*SUPPLIED MATERIAL*
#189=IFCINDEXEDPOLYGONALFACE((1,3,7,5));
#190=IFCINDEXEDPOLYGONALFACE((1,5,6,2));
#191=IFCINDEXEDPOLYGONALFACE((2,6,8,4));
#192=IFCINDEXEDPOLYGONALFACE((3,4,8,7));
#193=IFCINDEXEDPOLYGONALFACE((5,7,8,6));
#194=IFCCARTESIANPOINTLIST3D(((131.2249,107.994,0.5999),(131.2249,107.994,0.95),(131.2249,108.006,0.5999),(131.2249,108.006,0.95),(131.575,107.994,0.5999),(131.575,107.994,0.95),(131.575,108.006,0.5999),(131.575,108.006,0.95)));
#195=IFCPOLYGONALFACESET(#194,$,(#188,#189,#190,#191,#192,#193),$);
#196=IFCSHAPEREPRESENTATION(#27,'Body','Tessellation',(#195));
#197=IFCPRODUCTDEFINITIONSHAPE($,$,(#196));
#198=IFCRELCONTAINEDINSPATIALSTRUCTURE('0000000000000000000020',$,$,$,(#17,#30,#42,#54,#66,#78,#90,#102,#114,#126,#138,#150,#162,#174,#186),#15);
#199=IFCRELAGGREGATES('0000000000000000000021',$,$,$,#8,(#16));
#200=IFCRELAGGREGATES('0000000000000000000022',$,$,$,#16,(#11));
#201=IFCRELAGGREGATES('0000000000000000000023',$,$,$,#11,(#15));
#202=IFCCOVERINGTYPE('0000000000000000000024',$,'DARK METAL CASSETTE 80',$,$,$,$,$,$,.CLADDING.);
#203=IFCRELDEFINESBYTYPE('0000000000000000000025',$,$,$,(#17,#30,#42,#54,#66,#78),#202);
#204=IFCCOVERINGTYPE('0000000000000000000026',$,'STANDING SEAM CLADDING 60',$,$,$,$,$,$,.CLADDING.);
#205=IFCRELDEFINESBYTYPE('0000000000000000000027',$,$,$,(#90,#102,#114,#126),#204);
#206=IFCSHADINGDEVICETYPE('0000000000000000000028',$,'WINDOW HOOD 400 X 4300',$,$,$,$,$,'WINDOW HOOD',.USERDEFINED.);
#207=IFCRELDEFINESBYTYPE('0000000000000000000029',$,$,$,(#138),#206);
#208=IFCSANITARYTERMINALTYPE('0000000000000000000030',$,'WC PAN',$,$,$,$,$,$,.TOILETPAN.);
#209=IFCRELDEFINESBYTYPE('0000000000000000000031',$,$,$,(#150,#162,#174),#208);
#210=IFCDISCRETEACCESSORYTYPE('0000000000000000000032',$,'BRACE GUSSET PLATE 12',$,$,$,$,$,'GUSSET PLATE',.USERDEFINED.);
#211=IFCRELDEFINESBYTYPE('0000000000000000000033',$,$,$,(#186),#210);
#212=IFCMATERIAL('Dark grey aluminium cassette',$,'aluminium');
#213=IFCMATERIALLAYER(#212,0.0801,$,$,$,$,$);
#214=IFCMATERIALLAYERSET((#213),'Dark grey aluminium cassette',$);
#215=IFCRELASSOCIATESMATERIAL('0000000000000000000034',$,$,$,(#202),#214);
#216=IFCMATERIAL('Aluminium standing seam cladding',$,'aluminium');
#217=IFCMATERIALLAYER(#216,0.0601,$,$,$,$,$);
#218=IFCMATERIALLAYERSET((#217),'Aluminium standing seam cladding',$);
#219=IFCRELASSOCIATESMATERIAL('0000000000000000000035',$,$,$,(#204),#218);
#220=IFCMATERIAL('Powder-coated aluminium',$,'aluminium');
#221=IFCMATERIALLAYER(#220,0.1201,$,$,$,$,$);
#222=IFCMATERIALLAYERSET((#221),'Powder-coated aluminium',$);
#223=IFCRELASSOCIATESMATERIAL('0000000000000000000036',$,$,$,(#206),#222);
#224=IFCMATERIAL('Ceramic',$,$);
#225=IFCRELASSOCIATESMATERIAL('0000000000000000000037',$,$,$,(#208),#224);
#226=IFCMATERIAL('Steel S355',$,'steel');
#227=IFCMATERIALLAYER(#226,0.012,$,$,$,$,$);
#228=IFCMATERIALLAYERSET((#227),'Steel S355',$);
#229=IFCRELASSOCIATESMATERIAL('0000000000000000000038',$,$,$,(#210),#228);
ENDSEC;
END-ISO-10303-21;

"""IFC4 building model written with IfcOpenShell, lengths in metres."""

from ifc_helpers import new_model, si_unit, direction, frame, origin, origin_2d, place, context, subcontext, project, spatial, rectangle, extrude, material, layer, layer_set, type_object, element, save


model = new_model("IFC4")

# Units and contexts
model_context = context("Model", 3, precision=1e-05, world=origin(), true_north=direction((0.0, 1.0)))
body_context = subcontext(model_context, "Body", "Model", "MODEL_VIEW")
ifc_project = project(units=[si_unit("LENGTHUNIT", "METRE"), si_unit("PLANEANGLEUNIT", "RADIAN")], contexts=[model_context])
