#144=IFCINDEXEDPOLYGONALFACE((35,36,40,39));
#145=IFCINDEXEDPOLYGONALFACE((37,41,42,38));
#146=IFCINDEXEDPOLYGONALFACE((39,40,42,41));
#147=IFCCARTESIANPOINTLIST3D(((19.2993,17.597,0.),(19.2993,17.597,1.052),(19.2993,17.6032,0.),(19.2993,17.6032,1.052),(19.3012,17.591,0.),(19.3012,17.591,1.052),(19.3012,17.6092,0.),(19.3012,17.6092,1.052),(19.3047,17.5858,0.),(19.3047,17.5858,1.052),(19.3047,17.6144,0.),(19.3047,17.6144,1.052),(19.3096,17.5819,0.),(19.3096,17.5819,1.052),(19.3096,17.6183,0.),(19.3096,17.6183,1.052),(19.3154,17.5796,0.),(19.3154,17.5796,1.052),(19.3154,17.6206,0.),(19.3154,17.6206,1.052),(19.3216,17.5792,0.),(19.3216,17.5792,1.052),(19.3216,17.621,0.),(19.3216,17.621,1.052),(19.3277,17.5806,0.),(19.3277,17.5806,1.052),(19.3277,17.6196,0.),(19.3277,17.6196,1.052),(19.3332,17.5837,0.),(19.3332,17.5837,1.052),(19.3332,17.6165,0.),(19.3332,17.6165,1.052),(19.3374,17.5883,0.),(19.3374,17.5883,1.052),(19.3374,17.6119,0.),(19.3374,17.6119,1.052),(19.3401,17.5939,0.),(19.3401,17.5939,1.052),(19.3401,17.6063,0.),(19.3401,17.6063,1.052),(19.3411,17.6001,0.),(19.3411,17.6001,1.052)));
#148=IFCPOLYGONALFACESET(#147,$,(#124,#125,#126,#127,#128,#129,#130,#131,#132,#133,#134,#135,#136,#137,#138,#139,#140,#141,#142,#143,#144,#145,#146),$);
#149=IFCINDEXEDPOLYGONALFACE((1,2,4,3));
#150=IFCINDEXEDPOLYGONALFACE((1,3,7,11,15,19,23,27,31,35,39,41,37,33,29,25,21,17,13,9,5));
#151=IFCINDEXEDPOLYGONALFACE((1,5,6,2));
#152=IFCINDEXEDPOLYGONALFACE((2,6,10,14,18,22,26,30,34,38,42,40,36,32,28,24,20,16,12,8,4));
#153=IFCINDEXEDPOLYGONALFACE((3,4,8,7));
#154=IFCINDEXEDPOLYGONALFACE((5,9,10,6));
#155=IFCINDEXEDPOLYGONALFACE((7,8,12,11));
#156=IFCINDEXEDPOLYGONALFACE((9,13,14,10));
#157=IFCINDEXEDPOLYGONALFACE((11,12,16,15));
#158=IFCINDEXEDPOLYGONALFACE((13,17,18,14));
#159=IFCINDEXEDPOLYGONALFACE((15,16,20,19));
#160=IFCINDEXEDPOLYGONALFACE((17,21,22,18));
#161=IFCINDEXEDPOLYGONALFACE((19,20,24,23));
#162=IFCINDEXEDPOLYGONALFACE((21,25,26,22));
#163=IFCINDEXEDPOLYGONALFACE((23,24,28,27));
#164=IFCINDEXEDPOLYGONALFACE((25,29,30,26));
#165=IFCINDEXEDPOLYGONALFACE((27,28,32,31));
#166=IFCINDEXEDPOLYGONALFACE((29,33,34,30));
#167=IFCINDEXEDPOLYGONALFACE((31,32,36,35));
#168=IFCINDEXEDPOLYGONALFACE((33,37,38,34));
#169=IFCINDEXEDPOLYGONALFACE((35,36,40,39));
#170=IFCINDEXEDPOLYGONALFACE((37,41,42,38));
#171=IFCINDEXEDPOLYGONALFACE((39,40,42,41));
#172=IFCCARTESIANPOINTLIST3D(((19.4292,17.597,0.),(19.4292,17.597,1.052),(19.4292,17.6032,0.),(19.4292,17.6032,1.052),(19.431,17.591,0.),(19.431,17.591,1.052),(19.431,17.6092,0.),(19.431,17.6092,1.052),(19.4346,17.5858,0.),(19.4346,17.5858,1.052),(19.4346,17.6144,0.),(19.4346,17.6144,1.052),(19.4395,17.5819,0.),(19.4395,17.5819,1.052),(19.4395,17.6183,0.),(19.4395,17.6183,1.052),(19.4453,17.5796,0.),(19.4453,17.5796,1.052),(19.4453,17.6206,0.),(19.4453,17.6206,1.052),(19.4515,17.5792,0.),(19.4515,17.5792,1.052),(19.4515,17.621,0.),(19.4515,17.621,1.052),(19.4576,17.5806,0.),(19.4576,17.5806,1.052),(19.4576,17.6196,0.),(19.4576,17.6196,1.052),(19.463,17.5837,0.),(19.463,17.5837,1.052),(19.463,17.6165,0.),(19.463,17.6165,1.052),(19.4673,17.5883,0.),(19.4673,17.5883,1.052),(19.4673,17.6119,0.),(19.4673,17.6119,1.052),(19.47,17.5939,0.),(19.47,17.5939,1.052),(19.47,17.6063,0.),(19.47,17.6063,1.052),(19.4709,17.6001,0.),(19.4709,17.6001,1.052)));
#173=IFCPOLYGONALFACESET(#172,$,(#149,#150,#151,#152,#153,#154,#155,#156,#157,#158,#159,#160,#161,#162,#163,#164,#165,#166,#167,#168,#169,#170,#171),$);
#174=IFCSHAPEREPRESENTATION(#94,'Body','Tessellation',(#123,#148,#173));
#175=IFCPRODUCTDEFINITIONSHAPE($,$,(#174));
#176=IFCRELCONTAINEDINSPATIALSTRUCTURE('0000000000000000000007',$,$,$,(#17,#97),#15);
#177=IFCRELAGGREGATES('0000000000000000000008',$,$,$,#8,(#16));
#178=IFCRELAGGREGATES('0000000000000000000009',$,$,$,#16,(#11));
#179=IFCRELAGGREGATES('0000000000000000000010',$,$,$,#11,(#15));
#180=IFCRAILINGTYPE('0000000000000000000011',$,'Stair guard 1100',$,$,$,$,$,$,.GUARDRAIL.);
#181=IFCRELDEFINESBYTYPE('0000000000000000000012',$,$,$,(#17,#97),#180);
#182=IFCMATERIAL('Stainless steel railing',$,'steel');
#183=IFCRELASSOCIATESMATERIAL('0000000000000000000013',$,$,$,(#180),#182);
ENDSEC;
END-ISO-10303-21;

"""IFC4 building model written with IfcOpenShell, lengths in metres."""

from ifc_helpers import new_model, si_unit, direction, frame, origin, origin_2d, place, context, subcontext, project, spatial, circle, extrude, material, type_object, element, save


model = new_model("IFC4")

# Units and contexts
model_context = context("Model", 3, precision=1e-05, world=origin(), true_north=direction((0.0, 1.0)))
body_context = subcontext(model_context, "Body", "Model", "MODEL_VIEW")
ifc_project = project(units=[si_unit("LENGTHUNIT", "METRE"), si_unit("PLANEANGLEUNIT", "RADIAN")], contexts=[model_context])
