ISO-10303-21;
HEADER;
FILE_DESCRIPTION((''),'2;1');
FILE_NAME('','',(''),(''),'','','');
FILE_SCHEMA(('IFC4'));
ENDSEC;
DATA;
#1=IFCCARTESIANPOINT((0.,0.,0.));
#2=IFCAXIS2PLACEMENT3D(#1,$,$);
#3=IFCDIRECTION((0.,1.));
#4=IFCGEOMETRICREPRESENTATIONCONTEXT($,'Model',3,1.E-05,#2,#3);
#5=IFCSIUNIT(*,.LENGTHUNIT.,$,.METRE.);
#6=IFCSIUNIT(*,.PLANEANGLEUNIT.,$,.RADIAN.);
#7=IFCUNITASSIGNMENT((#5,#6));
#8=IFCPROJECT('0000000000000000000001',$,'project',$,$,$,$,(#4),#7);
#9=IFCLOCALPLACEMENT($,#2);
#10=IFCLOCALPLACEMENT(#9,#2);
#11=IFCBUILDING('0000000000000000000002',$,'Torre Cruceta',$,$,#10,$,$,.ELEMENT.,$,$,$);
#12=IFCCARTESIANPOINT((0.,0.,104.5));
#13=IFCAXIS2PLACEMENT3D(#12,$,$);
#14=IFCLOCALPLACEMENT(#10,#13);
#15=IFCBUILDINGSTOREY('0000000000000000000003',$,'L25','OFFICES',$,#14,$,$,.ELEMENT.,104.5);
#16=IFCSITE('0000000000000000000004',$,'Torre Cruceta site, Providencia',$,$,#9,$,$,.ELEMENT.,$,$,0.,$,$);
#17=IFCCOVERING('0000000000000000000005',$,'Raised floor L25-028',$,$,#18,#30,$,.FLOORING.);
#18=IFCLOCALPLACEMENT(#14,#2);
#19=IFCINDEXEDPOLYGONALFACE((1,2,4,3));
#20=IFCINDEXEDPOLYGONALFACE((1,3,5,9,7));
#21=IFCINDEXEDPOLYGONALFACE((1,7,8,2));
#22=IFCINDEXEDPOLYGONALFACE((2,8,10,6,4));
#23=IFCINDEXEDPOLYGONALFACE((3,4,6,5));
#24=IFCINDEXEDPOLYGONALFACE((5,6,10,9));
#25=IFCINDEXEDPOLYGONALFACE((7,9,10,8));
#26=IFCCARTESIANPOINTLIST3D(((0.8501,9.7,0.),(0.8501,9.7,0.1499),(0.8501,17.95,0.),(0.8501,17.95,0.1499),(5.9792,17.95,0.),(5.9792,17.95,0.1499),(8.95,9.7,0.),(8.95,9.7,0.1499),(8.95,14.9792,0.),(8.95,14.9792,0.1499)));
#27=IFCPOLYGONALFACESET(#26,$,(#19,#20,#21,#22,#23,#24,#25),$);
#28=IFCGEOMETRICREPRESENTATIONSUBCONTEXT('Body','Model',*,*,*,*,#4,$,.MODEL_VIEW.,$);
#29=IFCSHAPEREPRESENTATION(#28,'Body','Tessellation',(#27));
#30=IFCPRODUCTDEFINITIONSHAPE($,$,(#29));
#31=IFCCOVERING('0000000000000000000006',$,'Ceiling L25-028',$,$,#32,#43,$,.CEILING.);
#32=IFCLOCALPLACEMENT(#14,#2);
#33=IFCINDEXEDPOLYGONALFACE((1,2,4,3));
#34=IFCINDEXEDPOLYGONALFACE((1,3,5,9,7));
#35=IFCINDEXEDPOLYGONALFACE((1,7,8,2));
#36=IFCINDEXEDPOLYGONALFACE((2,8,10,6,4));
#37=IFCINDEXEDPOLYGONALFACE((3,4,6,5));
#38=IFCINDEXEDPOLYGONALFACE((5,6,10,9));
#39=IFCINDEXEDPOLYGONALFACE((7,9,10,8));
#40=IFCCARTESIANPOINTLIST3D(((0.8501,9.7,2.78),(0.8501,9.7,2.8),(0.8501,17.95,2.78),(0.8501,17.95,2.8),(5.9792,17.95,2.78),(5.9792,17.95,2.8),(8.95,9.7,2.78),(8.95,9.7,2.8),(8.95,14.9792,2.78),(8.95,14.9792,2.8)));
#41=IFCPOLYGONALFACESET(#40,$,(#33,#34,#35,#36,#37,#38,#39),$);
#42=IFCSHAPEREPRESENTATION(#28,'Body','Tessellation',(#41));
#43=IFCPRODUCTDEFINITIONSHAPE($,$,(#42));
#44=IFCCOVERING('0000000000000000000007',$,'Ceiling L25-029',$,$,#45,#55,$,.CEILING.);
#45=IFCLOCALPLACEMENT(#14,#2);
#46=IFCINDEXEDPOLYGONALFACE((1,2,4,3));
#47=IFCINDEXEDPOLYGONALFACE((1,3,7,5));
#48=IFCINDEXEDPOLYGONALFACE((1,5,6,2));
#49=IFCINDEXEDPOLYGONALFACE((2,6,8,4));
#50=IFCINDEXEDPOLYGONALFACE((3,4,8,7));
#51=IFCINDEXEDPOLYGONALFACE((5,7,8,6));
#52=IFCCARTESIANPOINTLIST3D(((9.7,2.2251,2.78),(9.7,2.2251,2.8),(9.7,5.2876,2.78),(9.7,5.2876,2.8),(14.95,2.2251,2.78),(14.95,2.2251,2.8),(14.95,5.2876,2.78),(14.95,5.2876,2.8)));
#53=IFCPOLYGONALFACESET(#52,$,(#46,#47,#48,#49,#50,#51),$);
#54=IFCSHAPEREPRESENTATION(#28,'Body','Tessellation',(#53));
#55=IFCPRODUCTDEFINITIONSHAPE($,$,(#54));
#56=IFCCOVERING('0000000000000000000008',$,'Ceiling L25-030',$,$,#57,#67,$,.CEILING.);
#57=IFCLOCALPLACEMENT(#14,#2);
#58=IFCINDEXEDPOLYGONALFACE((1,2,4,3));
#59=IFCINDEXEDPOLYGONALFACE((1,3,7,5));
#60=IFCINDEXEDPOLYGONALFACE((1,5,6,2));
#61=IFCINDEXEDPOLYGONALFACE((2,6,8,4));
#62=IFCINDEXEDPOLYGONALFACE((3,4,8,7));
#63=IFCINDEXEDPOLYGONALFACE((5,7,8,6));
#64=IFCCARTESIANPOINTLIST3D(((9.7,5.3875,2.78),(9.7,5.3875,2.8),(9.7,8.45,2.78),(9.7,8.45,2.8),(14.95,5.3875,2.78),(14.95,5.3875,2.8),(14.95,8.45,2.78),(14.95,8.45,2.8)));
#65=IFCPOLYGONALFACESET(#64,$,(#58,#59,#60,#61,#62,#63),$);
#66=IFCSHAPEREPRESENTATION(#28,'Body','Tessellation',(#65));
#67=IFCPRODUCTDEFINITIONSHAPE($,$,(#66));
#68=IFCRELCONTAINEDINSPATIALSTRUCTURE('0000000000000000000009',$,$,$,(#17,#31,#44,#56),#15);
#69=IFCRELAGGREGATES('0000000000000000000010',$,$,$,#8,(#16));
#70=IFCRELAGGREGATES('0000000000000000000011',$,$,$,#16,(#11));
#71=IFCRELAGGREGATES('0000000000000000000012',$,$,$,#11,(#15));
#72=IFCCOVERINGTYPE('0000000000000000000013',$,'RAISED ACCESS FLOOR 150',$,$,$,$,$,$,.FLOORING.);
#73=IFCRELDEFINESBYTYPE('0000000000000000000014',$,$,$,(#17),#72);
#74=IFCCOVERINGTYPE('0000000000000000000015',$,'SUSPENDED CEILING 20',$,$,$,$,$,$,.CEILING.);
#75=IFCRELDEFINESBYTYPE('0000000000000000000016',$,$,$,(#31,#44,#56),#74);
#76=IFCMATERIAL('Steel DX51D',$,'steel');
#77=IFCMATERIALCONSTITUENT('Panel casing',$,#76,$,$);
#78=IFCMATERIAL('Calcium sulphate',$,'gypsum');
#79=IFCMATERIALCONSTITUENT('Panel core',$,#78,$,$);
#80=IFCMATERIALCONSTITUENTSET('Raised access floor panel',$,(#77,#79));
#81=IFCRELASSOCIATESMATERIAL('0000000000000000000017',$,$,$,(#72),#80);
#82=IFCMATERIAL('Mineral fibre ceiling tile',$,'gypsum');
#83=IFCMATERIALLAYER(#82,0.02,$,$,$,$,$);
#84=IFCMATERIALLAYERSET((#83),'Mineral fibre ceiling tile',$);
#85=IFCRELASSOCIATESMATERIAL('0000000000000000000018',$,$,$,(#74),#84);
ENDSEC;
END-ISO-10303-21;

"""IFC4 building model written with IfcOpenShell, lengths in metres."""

from ifc_helpers import new_model, si_unit, direction, frame, origin, place, context, subcontext, project, spatial, polyline, outline, extrude, material, layer, layer_set, constituent, constituent_set, type_object, element, save


model = new_model("IFC4")

# Units and contexts
model_context = context("Model", 3, precision=1e-05, world=origin(), true_north=direction((0.0, 1.0)))
body_context = subcontext(model_context, "Body", "Model", "MODEL_VIEW")
ifc_project = project(units=[si_unit("LENGTHUNIT", "METRE"), si_unit("PLANEANGLEUNIT", "RADIAN")], contexts=[model_context])

# Site, building, storey
site_placement = place(None, origin())
site = spatial("IfcSite", under=ifc_project, at=site_placement, Name="Torre Cruceta site, Providencia", CompositionType="ELEMENT", RefElevation=0.0)
building_placement = place(site_placement, origin())
building = spatial("IfcBuilding", under=site, at=building_placement, Name="Torre Cruceta", CompositionType="ELEMENT")
storey_placement = place(building_placement, frame((0.0, 0.0, 104.5)))
storey = spatial("IfcBuildingStorey", under=building, at=storey_placement, Name="L25", Description="OFFICES", CompositionType="ELEMENT", Elevation=104.5)

# Coverings
ifc_material_1 = material(Name="Steel DX51D", Category="steel")
ifc_constituent_1 = constituent(ifc_material_1, Name="Panel casing")
ifc_material_2 = material(Name="Calcium sulphate", Category="gypsum")
ifc_constituent_2 = constituent(ifc_material_2, Name="Panel core")
ifc_constituent_set_1 = constituent_set(constituents=[ifc_constituent_1, ifc_constituent_2], Name="Raised access floor panel")
covering_type_1 = type_object("IfcCoveringType", Name="RAISED ACCESS FLOOR 150", PredefinedType="FLOORING", material=ifc_constituent_set_1)
covering_1_placement = place(storey_placement, origin())
element("IfcCovering", 1, at=covering_1_placement, inside=storey, type_object=covering_type_1, Name="Raised floor L25-028", PredefinedType="FLOORING", context=body_context, shape_type="SweptSolid", body=[
    extrude(outline(polyline([(5.9792, 17.95), (8.95, 14.9792), (8.95, 9.7), (0.8501, 9.7), (0.8501, 17.95), (5.9792, 17.95)])), origin(), (0.0, 0.0, 1.0), 0.1499),
])
ifc_material_3 = material(Name="Mineral fibre ceiling tile", Category="gypsum")
ifc_layer_1 = layer(ifc_material_3, 0.02)
ifc_layer_set_1 = layer_set([ifc_layer_1], Name="Mineral fibre ceiling tile")
covering_type_2 = type_object("IfcCoveringType", Name="SUSPENDED CEILING 20", PredefinedType="CEILING", material=ifc_layer_set_1)
covering_2_placement = place(storey_placement, frame((0.0, 0.0, 2.78)))
element("IfcCovering", 2, at=covering_2_placement, inside=storey, type_object=covering_type_2, Name="Ceiling L25-028", PredefinedType="CEILING", context=body_context, shape_type="SweptSolid", body=[
    extrude(outline(polyline([(5.9792, 17.95), (8.95, 14.9792), (8.95, 9.7), (0.8501, 9.7), (0.8501, 17.95), (5.9792, 17.95)])), origin(), (0.0, 0.0, 1.0), 0.02),
])
covering_3_placement = place(storey_placement, frame((0.0, 0.0, 2.78)))
element("IfcCovering", 3, at=covering_3_placement, inside=storey, type_object=covering_type_2, Name="Ceiling L25-029", PredefinedType="CEILING", context=body_context, shape_type="SweptSolid", body=[
    extrude(outline(polyline([(9.7, 2.2251), (9.7, 5.2876), (14.95, 5.2876), (14.95, 2.2251), (9.7, 2.2251)])), origin(), (0.0, 0.0, 1.0), 0.02),
])
covering_4_placement = place(storey_placement, frame((0.0, 0.0, 2.78)))
element("IfcCovering", 4, at=covering_4_placement, inside=storey, type_object=covering_type_2, Name="Ceiling L25-030", PredefinedType="CEILING", context=body_context, shape_type="SweptSolid", body=[
    extrude(outline(polyline([(9.7, 5.3875), (9.7, 8.45), (14.95, 8.45), (14.95, 5.3875), (9.7, 5.3875)])), origin(), (0.0, 0.0, 1.0), 0.02),
])

save(model, "model.ifc")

*YOUR INSTRUCTIONS*
All that is needed is the exact run of lines above from the line containing "#58=IFCINDEXEDPOLYGONALFACE((1,2,4,3));" through the line containing "#84=IFCMATERIALLAYERSET((#83),'Mineral fibre ceiling", both of them included.

*OUTPUT OF THE EXERCISE*
#58=IFCINDEXEDPOLYGONALFACE((1,2,4,3));
#59=IFCINDEXEDPOLYGONALFACE((1,3,7,5));
#60=IFCINDEXEDPOLYGONALFACE((1,5,6,2));
#61=IFCINDEXEDPOLYGONALFACE((2,6,8,4));
#62=IFCINDEXEDPOLYGONALFACE((3,4,8,7));
#63=IFCINDEXEDPOLYGONALFACE((5,7,8,6));
#64=IFCCARTESIANPOINTLIST3D(((9.7,5.3875,2.78),(9.7,5.3875,2.8),(9.7,8.45,2.78),(9.7,8.45,2.8),(14.95,5.3875,2.78),(14.95,5.3875,2.8),(14.95,8.45,2.78),(14.95,8.45,2.8)));
#65=IFCPOLYGONALFACESET(#64,$,(#58,#59,#60,#61,#62,#63),$);
#66=IFCSHAPEREPRESENTATION(#28,'Body','Tessellation',(#65));
#67=IFCPRODUCTDEFINITIONSHAPE($,$,(#66));
#68=IFCRELCONTAINEDINSPATIALSTRUCTURE('0000000000000000000009',$,$,$,(#17,#31,#44,#56),#15);
#69=IFCRELAGGREGATES('0000000000000000000010',$,$,$,#8,(#16));
#70=IFCRELAGGREGATES('0000000000000000000011',$,$,$,#16,(#11));
#71=IFCRELAGGREGATES('0000000000000000000012',$,$,$,#11,(#15));
#72=IFCCOVERINGTYPE('0000000000000000000013',$,'RAISED ACCESS FLOOR 150',$,$,$,$,$,$,.FLOORING.);
#73=IFCRELDEFINESBYTYPE('0000000000000000000014',$,$,$,(#17),#72);
#74=IFCCOVERINGTYPE('0000000000000000000015',$,'SUSPENDED CEILING 20',$,$,$,$,$,$,.CEILING.);
#75=IFCRELDEFINESBYTYPE('0000000000000000000016',$,$,$,(#31,#44,#56),#74);
#76=IFCMATERIAL('Steel DX51D',$,'steel');
#77=IFCMATERIALCONSTITUENT('Panel casing',$,#76,$,$);
#78=IFCMATERIAL('Calcium sulphate',$,'gypsum');
#79=IFCMATERIALCONSTITUENT('Panel core',$,#78,$,$);
#80=IFCMATERIALCONSTITUENTSET('Raised access floor panel',$,(#77,#79));
#81=IFCRELASSOCIATESMATERIAL('0000000000000000000017',$,$,$,(#72),#80);
#82=IFCMATERIAL('Mineral fibre ceiling tile',$,'gypsum');
#83=IFCMATERIALLAYER(#82,0.02,$,$,$,$,$);
#84=IFCMATERIALLAYERSET((#83),'Mineral fibre ceiling tile',$);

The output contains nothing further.